(Beginning of Data records)
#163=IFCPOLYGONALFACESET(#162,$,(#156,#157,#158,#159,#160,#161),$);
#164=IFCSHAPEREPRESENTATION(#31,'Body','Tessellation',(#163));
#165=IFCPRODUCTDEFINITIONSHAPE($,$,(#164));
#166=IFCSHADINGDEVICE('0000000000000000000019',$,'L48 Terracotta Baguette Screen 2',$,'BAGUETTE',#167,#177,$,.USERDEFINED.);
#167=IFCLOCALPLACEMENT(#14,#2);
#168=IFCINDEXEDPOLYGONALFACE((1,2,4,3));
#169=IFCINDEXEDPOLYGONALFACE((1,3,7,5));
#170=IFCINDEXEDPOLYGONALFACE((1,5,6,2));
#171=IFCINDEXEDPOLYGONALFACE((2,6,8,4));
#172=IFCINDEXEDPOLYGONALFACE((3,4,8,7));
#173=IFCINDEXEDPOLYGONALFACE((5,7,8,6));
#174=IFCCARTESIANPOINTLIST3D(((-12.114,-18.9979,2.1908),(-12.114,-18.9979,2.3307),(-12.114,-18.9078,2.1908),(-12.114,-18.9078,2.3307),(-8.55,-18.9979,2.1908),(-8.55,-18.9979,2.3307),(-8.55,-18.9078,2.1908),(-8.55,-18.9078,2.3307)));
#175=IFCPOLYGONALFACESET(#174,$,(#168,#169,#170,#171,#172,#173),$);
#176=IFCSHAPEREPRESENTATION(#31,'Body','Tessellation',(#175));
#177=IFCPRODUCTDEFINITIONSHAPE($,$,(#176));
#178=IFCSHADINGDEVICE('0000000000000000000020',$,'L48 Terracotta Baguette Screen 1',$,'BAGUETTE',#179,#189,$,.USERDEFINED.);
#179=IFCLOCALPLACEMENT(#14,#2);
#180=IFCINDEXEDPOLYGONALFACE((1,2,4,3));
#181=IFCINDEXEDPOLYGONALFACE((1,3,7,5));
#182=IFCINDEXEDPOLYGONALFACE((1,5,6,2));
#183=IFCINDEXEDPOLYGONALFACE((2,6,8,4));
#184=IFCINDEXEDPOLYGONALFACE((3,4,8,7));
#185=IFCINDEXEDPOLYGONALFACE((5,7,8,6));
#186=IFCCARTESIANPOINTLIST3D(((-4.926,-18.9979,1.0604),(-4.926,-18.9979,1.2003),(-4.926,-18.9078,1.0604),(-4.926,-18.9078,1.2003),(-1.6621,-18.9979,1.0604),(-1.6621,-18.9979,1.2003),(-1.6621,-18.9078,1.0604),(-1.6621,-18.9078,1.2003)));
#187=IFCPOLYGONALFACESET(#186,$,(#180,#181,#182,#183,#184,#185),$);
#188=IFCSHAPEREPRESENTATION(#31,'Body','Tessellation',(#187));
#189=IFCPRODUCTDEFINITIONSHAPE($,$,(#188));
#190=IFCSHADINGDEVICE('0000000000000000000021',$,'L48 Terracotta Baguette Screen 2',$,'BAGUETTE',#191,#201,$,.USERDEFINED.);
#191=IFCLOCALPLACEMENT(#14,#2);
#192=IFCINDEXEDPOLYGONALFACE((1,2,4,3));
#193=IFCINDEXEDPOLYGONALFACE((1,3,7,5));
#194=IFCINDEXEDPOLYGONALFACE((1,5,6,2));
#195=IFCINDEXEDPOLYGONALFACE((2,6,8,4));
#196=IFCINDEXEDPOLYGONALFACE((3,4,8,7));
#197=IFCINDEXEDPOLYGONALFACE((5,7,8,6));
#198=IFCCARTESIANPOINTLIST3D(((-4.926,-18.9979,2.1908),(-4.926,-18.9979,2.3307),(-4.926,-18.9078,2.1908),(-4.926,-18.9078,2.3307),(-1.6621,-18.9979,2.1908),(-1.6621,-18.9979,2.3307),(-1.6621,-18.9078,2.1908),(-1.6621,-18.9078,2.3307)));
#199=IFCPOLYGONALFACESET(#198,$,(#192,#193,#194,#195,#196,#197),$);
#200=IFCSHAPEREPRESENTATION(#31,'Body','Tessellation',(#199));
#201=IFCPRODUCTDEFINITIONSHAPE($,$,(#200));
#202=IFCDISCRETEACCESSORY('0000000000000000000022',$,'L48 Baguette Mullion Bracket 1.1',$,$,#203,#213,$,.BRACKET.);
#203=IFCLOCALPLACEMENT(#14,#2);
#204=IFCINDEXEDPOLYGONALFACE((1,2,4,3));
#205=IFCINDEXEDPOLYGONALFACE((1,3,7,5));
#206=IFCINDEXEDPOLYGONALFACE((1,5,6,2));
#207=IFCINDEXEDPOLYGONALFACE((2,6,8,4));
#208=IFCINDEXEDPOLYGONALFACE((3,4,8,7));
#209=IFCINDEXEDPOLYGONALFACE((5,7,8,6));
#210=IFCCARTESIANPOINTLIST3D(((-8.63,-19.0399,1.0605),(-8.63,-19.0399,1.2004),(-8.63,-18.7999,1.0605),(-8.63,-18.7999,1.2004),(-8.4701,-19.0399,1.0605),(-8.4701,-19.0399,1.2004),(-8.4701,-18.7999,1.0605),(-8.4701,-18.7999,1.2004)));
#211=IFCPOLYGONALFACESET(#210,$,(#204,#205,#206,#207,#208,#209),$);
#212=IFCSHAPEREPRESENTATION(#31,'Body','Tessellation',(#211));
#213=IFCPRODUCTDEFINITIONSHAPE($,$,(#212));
(End of Data records)
_What is needed_
What do the lines above say from the one containing "#169=IFCINDEXEDPOLYGONALFACE((1,3,7,5));" down to the one containing "#173=IFCINDEXEDPOLYGONALFACE((5,7,8,6));"? Return them exactly, both end lines included, and only them.

_Answer to this problem_
#169=IFCINDEXEDPOLYGONALFACE((1,3,7,5));
#170=IFCINDEXEDPOLYGONALFACE((1,5,6,2));
#171=IFCINDEXEDPOLYGONALFACE((2,6,8,4));
#172=IFCINDEXEDPOLYGONALFACE((3,4,8,7));
#173=IFCINDEXEDPOLYGONALFACE((5,7,8,6));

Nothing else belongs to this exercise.